▶ EXERCISE BRIEF
Please take the records that follow and repeat exactly the lines starting with the line with "Diagonal Brace HSS273x9.5',$,$,$,$,$,$,.BRACE.);" and going on through the line with "#192=IFCMATERIAL('Structural Steel CSA".
--*--
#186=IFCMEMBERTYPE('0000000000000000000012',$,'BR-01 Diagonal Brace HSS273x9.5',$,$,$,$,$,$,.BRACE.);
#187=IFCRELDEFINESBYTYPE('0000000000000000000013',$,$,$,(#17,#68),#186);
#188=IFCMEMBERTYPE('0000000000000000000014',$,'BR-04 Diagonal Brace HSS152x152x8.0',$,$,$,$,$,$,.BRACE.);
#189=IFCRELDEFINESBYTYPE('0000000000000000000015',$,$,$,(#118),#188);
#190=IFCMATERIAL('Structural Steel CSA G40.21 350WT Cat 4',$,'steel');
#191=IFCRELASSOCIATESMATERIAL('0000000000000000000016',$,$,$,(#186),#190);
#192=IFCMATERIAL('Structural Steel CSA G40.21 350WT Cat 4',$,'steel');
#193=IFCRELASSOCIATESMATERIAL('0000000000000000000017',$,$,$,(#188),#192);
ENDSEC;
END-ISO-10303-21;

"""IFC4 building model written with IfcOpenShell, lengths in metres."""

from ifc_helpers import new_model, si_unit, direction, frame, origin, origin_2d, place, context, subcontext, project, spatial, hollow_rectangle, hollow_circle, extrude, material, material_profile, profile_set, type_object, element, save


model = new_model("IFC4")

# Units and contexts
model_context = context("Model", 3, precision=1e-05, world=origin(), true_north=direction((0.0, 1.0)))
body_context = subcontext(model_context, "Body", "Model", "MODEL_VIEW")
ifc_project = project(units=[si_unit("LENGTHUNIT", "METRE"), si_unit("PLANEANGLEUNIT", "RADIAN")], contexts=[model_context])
--*--
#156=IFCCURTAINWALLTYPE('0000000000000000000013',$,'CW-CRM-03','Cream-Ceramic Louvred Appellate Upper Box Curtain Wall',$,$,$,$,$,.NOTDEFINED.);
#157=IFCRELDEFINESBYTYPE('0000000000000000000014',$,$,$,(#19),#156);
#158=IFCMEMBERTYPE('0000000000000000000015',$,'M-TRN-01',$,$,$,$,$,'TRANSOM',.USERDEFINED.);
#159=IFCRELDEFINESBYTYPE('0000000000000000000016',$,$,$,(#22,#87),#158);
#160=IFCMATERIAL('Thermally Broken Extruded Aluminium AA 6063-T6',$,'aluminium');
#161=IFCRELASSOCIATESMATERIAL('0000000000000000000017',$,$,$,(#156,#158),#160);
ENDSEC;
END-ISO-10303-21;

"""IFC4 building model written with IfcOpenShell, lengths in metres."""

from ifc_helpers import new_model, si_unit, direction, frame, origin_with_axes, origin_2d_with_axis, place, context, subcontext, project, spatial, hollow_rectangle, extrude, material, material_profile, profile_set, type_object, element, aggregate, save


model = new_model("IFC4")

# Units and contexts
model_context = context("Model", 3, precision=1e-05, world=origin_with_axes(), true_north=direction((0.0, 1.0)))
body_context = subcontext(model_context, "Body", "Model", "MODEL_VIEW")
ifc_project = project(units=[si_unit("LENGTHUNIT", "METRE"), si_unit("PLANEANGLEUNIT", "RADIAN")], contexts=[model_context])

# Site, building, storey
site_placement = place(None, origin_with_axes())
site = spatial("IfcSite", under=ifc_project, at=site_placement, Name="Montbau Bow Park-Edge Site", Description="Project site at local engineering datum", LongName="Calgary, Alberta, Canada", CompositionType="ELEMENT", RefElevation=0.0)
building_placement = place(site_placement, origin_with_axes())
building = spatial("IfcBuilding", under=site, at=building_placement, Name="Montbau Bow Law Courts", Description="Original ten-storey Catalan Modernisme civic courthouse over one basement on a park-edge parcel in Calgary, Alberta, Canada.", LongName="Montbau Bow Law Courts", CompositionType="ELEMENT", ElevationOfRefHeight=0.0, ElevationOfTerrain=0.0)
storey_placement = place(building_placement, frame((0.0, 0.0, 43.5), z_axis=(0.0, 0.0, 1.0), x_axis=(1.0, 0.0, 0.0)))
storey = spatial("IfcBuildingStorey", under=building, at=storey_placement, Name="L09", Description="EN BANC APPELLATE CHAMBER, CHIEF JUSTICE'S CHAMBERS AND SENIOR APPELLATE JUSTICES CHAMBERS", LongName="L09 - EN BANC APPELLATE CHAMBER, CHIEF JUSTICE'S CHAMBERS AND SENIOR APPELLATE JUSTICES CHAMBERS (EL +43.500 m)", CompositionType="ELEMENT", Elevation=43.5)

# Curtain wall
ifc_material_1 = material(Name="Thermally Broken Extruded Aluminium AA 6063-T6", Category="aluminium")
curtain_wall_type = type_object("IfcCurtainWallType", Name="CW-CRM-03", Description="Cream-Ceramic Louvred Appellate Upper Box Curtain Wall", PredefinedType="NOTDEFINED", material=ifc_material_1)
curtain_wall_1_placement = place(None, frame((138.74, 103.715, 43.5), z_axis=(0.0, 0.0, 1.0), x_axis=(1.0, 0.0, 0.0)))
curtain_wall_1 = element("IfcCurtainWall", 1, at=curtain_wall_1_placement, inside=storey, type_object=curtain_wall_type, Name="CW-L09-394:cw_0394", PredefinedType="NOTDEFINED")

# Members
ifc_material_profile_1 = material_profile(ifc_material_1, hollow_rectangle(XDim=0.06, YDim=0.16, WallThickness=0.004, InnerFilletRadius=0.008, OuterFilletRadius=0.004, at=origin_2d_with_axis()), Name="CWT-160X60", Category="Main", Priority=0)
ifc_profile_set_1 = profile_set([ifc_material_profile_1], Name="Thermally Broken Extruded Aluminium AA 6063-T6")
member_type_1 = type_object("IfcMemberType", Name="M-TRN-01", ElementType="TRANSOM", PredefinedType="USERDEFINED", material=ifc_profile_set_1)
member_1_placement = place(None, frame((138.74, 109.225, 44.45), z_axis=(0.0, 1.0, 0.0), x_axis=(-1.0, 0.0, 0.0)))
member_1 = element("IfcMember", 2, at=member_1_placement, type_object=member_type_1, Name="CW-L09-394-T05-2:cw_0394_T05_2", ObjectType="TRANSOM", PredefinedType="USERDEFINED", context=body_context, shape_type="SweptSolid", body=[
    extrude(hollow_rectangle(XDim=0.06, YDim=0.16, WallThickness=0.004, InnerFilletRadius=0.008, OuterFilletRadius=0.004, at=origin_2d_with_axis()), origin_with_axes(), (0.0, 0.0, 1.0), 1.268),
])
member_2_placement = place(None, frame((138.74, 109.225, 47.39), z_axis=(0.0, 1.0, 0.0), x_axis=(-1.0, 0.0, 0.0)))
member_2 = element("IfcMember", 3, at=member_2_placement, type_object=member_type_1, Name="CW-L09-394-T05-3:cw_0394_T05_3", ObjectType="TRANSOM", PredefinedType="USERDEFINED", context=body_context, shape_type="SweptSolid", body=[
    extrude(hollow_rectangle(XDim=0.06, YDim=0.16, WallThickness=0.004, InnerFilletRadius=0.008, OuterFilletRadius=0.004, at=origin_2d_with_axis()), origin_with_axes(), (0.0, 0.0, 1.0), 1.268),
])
--*--
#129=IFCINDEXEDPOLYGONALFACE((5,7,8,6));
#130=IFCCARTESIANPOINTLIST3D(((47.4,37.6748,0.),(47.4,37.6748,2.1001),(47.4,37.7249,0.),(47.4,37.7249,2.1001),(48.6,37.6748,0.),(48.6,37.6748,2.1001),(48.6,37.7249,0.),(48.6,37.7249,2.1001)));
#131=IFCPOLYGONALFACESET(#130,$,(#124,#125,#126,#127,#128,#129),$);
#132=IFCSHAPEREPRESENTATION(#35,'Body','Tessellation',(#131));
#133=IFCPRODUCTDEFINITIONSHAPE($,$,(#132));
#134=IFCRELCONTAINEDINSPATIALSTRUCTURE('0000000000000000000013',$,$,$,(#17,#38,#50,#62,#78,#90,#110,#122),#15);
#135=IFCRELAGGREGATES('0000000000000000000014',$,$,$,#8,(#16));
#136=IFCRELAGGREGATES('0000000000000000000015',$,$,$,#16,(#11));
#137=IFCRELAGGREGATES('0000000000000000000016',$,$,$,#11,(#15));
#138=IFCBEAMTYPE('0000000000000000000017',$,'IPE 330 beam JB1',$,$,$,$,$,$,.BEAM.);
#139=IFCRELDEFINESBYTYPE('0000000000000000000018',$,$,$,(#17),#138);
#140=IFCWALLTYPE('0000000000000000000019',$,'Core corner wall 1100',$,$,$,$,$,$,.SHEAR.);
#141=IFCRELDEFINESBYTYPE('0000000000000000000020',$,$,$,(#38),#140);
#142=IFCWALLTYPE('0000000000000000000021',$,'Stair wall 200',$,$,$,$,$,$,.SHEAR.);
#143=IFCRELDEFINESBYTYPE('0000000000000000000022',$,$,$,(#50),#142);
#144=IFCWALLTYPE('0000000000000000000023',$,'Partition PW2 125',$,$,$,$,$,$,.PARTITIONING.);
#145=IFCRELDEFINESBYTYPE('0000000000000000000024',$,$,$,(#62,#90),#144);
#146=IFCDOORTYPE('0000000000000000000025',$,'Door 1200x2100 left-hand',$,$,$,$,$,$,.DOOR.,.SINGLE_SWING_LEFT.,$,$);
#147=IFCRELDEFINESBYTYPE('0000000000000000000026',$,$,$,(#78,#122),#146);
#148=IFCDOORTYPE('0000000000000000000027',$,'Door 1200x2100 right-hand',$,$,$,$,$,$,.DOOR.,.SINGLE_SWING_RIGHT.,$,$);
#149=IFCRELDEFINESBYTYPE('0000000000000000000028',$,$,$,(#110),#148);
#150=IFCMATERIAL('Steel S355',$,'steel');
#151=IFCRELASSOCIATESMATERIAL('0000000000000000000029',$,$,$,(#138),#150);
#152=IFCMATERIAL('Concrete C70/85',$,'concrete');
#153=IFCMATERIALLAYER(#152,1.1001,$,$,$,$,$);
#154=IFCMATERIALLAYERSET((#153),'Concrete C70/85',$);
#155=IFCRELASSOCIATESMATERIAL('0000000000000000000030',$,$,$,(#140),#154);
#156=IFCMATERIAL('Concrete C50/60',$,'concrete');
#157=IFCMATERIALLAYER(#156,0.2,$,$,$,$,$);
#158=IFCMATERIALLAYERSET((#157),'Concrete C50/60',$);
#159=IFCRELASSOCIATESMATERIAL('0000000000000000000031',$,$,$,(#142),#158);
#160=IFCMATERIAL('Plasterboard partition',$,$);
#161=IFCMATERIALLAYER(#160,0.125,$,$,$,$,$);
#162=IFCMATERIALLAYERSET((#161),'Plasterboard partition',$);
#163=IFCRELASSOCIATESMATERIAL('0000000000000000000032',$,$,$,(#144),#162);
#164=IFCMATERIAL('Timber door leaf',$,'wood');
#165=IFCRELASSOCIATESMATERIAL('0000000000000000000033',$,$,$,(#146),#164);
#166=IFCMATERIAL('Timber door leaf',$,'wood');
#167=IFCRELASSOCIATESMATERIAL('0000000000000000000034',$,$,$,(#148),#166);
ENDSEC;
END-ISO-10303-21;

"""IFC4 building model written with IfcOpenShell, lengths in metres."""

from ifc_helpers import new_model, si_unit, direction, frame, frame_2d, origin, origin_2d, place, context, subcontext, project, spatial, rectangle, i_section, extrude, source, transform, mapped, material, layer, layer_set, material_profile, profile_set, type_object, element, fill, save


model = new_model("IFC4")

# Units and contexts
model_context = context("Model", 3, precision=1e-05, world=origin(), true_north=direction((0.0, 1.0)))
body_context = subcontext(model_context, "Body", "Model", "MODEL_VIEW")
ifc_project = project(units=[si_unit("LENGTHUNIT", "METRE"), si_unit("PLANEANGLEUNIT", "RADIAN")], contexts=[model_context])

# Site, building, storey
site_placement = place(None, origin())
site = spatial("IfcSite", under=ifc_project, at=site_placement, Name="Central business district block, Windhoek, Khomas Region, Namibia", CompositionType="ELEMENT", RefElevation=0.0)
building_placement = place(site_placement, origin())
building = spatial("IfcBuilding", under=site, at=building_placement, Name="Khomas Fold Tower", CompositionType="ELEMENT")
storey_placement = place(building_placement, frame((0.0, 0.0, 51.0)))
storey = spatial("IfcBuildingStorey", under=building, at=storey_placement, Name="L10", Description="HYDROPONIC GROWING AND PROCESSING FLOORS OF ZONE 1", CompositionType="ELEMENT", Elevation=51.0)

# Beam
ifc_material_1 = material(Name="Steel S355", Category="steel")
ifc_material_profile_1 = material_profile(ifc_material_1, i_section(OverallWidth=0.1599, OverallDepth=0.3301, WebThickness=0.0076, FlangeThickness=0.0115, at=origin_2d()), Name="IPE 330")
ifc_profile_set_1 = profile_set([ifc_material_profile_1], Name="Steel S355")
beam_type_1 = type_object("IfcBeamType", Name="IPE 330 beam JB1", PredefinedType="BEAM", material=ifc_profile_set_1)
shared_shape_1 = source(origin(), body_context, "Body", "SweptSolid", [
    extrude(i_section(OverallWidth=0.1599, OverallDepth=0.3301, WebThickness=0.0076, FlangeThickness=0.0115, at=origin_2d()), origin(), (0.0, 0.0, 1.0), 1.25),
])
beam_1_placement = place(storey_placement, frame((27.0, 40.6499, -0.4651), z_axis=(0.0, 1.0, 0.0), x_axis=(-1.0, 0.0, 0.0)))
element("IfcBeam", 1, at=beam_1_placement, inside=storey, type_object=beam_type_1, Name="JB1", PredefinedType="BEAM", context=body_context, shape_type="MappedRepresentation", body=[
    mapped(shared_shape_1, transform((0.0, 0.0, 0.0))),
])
--*--
▶ ANSWER BELOW
#186=IFCMEMBERTYPE('0000000000000000000012',$,'BR-01 Diagonal Brace HSS273x9.5',$,$,$,$,$,$,.BRACE.);
#187=IFCRELDEFINESBYTYPE('0000000000000000000013',$,$,$,(#17,#68),#186);
#188=IFCMEMBERTYPE('0000000000000000000014',$,'BR-04 Diagonal Brace HSS152x152x8.0',$,$,$,$,$,$,.BRACE.);
#189=IFCRELDEFINESBYTYPE('0000000000000000000015',$,$,$,(#118),#188);
#190=IFCMATERIAL('Structural Steel CSA G40.21 350WT Cat 4',$,'steel');
#191=IFCRELASSOCIATESMATERIAL('0000000000000000000016',$,$,$,(#186),#190);
#192=IFCMATERIAL('Structural Steel CSA G40.21 350WT Cat 4',$,'steel');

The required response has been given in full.